Records from a collection:

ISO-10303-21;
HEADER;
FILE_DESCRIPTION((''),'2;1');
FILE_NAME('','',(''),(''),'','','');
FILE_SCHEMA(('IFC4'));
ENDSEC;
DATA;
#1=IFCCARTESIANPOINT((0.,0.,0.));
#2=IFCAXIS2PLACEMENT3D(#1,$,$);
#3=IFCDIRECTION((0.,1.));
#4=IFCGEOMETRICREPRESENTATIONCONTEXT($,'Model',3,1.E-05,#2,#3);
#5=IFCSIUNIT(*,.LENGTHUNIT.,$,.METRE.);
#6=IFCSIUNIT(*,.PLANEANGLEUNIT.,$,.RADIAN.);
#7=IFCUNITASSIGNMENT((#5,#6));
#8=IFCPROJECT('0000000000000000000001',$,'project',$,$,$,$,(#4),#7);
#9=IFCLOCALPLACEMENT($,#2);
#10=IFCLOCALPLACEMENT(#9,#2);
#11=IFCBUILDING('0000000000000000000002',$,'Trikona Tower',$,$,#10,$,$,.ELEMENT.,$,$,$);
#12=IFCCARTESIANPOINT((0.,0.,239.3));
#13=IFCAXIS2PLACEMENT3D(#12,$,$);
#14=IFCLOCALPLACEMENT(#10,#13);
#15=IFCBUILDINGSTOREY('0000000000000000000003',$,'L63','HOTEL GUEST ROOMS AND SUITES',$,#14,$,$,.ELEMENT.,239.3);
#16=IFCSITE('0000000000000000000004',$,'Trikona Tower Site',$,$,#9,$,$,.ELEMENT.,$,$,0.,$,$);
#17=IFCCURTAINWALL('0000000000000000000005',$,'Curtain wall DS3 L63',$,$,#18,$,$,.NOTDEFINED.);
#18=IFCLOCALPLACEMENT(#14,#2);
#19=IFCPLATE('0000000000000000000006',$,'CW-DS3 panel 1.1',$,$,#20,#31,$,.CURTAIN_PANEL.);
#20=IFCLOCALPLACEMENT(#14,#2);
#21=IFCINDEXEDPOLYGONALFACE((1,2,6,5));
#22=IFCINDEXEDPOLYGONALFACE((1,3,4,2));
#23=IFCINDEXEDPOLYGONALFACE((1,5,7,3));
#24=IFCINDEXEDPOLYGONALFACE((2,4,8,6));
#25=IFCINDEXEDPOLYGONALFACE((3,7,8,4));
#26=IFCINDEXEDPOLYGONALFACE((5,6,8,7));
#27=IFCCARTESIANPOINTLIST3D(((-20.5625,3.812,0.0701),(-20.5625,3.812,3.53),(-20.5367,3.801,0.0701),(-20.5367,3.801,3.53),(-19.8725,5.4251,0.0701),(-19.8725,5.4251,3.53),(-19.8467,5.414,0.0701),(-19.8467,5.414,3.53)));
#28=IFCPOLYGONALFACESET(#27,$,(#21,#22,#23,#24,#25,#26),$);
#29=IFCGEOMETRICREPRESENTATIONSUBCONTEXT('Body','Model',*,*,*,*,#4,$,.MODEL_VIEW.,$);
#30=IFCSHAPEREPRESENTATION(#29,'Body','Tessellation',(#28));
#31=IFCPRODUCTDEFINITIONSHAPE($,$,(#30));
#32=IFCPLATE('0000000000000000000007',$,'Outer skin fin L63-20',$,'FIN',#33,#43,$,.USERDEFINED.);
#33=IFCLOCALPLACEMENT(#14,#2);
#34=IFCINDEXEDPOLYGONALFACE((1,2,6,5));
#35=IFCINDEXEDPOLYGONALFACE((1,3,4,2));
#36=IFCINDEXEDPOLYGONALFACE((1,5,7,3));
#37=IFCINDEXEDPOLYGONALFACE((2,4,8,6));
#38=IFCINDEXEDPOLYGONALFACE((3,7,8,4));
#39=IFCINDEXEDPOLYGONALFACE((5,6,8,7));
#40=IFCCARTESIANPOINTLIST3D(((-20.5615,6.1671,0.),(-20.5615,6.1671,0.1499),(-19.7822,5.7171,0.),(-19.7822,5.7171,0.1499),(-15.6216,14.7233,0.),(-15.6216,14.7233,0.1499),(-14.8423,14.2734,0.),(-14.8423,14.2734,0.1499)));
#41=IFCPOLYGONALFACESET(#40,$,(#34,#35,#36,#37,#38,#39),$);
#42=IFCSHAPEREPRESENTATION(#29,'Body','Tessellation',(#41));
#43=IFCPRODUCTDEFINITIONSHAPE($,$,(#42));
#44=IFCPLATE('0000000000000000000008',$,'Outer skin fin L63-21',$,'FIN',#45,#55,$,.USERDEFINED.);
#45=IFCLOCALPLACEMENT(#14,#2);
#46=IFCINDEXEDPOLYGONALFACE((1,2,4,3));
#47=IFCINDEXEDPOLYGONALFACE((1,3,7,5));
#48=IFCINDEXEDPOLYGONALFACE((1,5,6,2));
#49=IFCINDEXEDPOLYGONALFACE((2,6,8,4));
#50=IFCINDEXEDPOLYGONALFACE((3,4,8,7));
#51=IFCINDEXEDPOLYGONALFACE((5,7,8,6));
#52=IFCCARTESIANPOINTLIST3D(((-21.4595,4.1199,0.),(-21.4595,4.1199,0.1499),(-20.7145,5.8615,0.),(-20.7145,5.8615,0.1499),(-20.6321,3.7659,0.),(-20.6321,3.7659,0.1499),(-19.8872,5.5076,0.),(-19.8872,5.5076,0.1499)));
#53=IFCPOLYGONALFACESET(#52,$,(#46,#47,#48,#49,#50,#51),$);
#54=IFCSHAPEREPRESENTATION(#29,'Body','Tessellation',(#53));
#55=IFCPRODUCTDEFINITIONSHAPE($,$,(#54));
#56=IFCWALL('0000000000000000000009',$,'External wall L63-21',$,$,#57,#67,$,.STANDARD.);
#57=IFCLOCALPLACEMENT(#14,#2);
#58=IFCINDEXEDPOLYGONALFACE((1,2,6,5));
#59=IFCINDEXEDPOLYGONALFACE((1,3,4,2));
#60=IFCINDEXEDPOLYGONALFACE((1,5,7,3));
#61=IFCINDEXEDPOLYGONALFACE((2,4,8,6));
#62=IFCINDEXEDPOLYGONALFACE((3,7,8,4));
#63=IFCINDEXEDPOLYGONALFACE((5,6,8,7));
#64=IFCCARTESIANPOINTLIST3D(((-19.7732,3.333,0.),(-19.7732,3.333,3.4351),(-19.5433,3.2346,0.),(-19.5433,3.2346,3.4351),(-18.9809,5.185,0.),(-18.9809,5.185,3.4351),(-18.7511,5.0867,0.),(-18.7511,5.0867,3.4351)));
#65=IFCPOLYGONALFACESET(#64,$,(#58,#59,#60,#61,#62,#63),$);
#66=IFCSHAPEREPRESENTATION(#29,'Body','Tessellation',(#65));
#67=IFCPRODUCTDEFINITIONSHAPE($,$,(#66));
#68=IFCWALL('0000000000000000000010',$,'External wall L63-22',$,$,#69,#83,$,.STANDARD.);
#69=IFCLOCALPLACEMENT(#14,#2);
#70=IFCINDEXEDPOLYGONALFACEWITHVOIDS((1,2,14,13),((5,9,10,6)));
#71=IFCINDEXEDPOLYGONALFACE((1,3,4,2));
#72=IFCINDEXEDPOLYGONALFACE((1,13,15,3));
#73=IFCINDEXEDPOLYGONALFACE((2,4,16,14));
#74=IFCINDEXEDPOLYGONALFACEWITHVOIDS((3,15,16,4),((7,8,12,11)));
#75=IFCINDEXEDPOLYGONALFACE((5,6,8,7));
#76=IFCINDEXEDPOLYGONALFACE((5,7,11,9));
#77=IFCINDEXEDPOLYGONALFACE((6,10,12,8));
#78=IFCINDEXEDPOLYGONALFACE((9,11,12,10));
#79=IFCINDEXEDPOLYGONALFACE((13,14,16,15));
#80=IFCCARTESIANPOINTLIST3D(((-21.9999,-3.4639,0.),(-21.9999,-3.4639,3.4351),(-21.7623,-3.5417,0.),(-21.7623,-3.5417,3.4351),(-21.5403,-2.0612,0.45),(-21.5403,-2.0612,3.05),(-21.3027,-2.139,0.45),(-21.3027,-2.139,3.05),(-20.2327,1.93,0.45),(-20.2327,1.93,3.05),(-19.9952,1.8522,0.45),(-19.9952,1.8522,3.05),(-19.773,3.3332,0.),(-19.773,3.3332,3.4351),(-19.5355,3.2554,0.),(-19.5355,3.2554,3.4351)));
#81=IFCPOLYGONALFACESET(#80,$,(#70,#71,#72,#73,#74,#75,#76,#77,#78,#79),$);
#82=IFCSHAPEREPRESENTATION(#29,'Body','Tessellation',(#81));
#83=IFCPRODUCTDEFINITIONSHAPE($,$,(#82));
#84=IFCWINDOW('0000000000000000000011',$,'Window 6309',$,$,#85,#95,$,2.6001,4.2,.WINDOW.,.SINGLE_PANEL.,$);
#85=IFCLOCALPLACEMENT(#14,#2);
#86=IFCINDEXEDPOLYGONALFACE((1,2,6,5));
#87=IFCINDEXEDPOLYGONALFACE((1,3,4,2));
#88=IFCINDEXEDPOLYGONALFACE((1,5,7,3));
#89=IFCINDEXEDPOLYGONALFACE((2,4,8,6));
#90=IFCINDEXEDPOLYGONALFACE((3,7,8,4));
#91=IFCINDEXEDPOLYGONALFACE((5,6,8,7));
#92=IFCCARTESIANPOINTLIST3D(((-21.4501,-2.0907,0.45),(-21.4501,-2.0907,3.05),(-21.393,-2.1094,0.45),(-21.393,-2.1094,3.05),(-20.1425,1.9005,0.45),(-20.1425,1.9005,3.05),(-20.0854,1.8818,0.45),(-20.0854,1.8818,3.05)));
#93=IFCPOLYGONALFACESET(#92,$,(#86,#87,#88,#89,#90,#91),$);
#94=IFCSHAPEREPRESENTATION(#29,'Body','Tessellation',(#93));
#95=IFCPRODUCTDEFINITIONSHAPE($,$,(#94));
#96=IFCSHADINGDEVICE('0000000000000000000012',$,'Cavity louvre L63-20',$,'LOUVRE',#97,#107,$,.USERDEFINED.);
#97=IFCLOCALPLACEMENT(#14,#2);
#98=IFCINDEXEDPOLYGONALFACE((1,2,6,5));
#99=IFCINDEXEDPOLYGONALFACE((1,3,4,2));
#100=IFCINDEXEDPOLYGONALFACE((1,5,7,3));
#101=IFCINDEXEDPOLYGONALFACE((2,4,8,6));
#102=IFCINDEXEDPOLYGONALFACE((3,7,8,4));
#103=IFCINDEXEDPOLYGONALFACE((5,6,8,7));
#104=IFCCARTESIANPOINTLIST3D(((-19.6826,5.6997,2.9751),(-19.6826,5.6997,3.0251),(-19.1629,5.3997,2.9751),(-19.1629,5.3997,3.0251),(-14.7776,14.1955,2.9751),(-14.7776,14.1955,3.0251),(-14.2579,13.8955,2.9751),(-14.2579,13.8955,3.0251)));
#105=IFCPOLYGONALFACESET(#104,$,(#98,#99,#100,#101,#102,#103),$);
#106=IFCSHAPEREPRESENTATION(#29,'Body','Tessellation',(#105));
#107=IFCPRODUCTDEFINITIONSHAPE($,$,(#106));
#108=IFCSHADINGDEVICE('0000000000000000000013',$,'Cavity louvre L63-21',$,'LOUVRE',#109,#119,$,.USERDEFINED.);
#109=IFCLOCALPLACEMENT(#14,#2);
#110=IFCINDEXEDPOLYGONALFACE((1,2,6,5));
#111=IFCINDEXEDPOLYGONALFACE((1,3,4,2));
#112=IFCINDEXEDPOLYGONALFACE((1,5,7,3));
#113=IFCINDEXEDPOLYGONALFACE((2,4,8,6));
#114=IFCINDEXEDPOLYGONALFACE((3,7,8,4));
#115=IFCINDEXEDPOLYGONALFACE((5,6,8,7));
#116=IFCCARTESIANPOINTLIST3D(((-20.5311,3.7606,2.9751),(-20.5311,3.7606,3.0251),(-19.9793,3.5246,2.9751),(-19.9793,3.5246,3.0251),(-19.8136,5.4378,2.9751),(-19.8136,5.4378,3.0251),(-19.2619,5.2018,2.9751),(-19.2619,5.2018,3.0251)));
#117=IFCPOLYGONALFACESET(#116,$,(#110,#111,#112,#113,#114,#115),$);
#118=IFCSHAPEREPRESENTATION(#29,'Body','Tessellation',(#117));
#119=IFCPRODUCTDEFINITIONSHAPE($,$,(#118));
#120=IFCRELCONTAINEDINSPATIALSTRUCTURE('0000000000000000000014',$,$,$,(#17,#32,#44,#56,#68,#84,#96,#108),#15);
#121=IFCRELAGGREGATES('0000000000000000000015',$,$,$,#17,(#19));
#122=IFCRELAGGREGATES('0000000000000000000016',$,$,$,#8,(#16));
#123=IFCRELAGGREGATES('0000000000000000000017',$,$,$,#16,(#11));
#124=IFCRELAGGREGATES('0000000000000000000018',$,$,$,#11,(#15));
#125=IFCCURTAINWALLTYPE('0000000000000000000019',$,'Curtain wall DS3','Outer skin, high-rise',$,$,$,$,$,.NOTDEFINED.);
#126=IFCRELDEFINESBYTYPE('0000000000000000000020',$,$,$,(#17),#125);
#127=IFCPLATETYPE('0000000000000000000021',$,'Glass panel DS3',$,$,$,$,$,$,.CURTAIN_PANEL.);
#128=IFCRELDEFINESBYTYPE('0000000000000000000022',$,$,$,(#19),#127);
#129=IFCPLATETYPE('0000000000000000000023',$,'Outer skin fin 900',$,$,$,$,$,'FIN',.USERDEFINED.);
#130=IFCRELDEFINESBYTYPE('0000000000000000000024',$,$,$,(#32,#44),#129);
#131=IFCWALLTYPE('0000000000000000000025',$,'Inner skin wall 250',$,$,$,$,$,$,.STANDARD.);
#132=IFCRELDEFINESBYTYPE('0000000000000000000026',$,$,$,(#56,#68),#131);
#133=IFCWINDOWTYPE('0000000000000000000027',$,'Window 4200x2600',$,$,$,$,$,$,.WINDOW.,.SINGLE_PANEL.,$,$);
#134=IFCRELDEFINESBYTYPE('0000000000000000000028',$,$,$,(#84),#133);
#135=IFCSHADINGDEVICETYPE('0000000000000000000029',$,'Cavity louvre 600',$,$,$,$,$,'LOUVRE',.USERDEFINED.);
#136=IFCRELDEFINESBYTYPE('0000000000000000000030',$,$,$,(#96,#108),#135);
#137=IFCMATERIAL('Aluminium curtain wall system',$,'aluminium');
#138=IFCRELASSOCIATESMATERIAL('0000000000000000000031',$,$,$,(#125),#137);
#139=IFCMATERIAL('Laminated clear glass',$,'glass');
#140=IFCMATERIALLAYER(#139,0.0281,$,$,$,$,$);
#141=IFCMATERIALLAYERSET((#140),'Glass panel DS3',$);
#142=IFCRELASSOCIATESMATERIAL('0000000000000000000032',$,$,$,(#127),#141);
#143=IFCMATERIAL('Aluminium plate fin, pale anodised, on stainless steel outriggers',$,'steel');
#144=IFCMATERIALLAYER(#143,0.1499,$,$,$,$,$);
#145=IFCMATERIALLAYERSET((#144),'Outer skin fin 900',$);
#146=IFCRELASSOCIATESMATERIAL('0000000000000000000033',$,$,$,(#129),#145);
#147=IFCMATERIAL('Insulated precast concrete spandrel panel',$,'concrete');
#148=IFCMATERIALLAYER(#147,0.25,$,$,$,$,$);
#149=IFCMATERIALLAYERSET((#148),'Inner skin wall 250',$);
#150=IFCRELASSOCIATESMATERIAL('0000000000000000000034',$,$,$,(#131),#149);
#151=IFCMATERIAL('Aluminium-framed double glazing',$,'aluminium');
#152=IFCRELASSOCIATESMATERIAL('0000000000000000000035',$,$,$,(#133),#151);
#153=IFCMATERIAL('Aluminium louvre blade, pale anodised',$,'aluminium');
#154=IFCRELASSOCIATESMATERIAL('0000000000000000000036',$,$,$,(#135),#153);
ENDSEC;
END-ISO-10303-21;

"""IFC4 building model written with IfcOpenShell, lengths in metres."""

from ifc_helpers import new_model, si_unit, direction, frame, frame_2d, origin, origin_2d, place, context, subcontext, project, spatial, rectangle, extrude, material, layer, layer_set, type_object, element, fill, aggregate, save


model = new_model("IFC4")

# Units and contexts
model_context = context("Model", 3, precision=1e-05, world=origin(), true_north=direction((0.0, 1.0)))
body_context = subcontext(model_context, "Body", "Model", "MODEL_VIEW")
ifc_project = project(units=[si_unit("LENGTHUNIT", "METRE"), si_unit("PLANEANGLEUNIT", "RADIAN")], contexts=[model_context])

# Site, building, storey
site_placement = place(None, origin())
site = spatial("IfcSite", under=ifc_project, at=site_placement, Name="Trikona Tower Site", CompositionType="ELEMENT", RefElevation=0.0)
building_placement = place(site_placement, origin())
building = spatial("IfcBuilding", under=site, at=building_placement, Name="Trikona Tower", CompositionType="ELEMENT")
storey_placement = place(building_placement, frame((0.0, 0.0, 239.3)))
storey = spatial("IfcBuildingStorey", under=building, at=storey_placement, Name="L63", Description="HOTEL GUEST ROOMS AND SUITES", CompositionType="ELEMENT", Elevation=239.3)

# Shared definitions
ifc_material_1 = material(Name="Aluminium curtain wall system", Category="aluminium")
curtain_wall_type = type_object("IfcCurtainWallType", Name="Curtain wall DS3", Description="Outer skin, high-rise", PredefinedType="NOTDEFINED", material=ifc_material_1)

# Curtain wall
curtain_wall_1_placement = place(storey_placement, origin())
curtain_wall_1 = element("IfcCurtainWall", 1, at=curtain_wall_1_placement, inside=storey, type_object=curtain_wall_type, Name="Curtain wall DS3 L63", PredefinedType="NOTDEFINED")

EXERCISE PROMPT: Return, from the data, each line that has the word "IFCPOLYGONALFACESET" in it.

PROBLEM SOLUTION:
#28=IFCPOLYGONALFACESET(#27,$,(#21,#22,#23,#24,#25,#26),$);
#41=IFCPOLYGONALFACESET(#40,$,(#34,#35,#36,#37,#38,#39),$);
#53=IFCPOLYGONALFACESET(#52,$,(#46,#47,#48,#49,#50,#51),$);
#65=IFCPOLYGONALFACESET(#64,$,(#58,#59,#60,#61,#62,#63),$);
#81=IFCPOLYGONALFACESET(#80,$,(#70,#71,#72,#73,#74,#75,#76,#77,#78,#79),$);
#93=IFCPOLYGONALFACESET(#92,$,(#86,#87,#88,#89,#90,#91),$);
#105=IFCPOLYGONALFACESET(#104,$,(#98,#99,#100,#101,#102,#103),$);
#117=IFCPOLYGONALFACESET(#116,$,(#110,#111,#112,#113,#114,#115),$);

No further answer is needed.